## EXERCISE INPUT:
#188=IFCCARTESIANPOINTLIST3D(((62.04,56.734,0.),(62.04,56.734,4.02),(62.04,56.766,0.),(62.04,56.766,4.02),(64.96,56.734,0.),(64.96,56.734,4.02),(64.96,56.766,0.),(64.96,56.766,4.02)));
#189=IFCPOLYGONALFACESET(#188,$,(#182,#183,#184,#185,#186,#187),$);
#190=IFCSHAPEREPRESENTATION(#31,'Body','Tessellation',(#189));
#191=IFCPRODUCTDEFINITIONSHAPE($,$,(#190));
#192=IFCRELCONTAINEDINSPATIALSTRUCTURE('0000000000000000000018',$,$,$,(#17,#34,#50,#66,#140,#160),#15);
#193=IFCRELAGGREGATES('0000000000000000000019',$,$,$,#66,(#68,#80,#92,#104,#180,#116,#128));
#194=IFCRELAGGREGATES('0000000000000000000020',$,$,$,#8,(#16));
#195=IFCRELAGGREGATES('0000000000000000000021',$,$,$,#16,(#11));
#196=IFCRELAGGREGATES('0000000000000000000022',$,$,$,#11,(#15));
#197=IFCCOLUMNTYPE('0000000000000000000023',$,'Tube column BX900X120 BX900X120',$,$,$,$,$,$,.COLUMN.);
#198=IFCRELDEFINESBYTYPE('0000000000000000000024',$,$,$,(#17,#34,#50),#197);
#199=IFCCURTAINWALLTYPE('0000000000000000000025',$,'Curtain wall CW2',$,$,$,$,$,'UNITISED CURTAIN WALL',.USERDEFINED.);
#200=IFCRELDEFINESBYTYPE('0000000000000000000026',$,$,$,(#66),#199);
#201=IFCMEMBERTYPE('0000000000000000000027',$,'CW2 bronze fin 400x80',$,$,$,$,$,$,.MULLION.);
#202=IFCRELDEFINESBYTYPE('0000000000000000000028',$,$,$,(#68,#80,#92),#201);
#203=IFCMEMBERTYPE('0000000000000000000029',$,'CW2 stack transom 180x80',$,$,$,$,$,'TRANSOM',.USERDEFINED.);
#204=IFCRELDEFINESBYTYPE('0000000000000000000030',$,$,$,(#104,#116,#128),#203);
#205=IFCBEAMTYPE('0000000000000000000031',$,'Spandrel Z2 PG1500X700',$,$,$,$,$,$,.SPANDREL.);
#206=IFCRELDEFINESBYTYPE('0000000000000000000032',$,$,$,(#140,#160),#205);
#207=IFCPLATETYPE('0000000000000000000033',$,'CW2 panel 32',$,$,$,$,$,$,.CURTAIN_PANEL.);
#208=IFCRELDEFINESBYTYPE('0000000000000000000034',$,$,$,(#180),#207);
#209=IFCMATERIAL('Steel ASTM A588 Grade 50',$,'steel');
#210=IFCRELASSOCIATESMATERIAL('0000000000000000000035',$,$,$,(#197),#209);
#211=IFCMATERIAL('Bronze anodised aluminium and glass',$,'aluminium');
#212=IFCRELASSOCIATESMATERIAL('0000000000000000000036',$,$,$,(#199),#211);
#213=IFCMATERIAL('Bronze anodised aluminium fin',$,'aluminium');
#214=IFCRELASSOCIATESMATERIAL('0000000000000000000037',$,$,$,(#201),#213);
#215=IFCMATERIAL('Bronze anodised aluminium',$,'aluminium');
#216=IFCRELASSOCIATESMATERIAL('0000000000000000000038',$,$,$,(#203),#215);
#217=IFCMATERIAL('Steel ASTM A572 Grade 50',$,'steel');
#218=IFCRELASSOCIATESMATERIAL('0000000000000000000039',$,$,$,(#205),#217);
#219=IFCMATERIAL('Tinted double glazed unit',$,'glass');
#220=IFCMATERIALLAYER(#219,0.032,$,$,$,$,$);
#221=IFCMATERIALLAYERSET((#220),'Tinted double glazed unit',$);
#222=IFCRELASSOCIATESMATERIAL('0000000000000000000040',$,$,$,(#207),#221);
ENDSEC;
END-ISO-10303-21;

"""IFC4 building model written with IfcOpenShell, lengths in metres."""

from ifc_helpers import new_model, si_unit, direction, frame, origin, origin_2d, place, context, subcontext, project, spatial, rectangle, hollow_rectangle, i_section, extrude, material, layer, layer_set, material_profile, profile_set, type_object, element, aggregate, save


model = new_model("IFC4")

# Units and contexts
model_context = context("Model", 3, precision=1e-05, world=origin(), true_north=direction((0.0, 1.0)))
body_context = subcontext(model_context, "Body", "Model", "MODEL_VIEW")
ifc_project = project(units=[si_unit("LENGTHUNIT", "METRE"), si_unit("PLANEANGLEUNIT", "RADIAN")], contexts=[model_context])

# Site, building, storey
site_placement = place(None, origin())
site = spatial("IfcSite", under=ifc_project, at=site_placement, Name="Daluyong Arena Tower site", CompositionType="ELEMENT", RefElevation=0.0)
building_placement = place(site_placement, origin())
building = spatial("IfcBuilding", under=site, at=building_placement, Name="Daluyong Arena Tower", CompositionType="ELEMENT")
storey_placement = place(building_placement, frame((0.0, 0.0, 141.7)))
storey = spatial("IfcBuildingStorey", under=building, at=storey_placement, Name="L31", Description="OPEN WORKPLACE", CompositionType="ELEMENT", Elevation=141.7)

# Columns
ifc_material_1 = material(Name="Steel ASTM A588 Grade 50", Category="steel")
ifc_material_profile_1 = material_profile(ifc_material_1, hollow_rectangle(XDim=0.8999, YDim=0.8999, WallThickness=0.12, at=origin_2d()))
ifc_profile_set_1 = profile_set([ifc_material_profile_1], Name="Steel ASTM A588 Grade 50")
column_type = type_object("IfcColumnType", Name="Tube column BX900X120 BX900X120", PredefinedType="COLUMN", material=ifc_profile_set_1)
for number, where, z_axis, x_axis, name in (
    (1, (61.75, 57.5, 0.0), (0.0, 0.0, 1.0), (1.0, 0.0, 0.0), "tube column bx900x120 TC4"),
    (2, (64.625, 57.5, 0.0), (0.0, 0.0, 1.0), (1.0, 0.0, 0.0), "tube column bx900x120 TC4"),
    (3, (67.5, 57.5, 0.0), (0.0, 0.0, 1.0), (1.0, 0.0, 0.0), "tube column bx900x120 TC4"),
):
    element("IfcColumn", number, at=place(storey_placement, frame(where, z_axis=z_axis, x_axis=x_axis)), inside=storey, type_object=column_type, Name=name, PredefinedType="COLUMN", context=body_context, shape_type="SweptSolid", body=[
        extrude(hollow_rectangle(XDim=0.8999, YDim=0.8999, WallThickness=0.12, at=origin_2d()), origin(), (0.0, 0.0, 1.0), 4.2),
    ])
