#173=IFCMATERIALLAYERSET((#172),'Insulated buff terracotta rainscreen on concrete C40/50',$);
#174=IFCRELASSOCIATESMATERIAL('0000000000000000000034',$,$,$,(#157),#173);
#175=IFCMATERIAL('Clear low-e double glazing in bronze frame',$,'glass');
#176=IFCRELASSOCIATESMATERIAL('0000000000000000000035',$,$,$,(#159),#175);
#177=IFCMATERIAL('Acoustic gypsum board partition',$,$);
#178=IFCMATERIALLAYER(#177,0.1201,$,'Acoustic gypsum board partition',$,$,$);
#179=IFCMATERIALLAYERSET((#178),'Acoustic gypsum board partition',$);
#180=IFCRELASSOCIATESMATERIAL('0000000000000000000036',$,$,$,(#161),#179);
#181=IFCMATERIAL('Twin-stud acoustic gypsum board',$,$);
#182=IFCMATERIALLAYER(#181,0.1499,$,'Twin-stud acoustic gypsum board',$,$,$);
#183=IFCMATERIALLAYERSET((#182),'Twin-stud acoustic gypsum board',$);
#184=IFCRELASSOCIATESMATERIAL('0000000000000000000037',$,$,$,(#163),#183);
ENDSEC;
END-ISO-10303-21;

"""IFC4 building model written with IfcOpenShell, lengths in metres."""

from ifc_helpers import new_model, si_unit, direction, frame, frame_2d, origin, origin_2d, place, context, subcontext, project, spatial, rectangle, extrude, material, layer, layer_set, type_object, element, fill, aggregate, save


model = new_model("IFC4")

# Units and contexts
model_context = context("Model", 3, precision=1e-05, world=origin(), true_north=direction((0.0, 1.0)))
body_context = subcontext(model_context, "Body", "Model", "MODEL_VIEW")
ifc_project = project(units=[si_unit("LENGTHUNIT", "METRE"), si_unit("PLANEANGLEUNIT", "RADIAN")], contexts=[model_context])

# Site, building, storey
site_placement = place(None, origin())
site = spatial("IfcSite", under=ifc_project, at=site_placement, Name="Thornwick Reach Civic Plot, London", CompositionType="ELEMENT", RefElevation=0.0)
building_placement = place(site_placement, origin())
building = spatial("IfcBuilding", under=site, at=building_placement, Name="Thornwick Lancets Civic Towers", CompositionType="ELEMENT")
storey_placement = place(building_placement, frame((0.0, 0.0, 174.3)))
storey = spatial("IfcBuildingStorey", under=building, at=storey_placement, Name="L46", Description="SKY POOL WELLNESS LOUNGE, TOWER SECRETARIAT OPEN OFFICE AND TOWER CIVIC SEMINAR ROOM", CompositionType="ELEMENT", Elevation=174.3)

## WHAT TO PRODUCE:
Copy each line of the records that contains the word "import".

## FINISHED EXERCISE:
from ifc_helpers import new_model, si_unit, direction, frame, origin, origin_2d, place, context, subcontext, project, spatial, rectangle, hollow_rectangle, i_section, extrude, material, layer, layer_set, material_profile, profile_set, type_object, element, aggregate, save
from ifc_helpers import new_model, si_unit, direction, frame, frame_2d, origin, origin_2d, place, context, subcontext, project, spatial, rectangle, extrude, material, layer, layer_set, type_object, element, fill, aggregate, save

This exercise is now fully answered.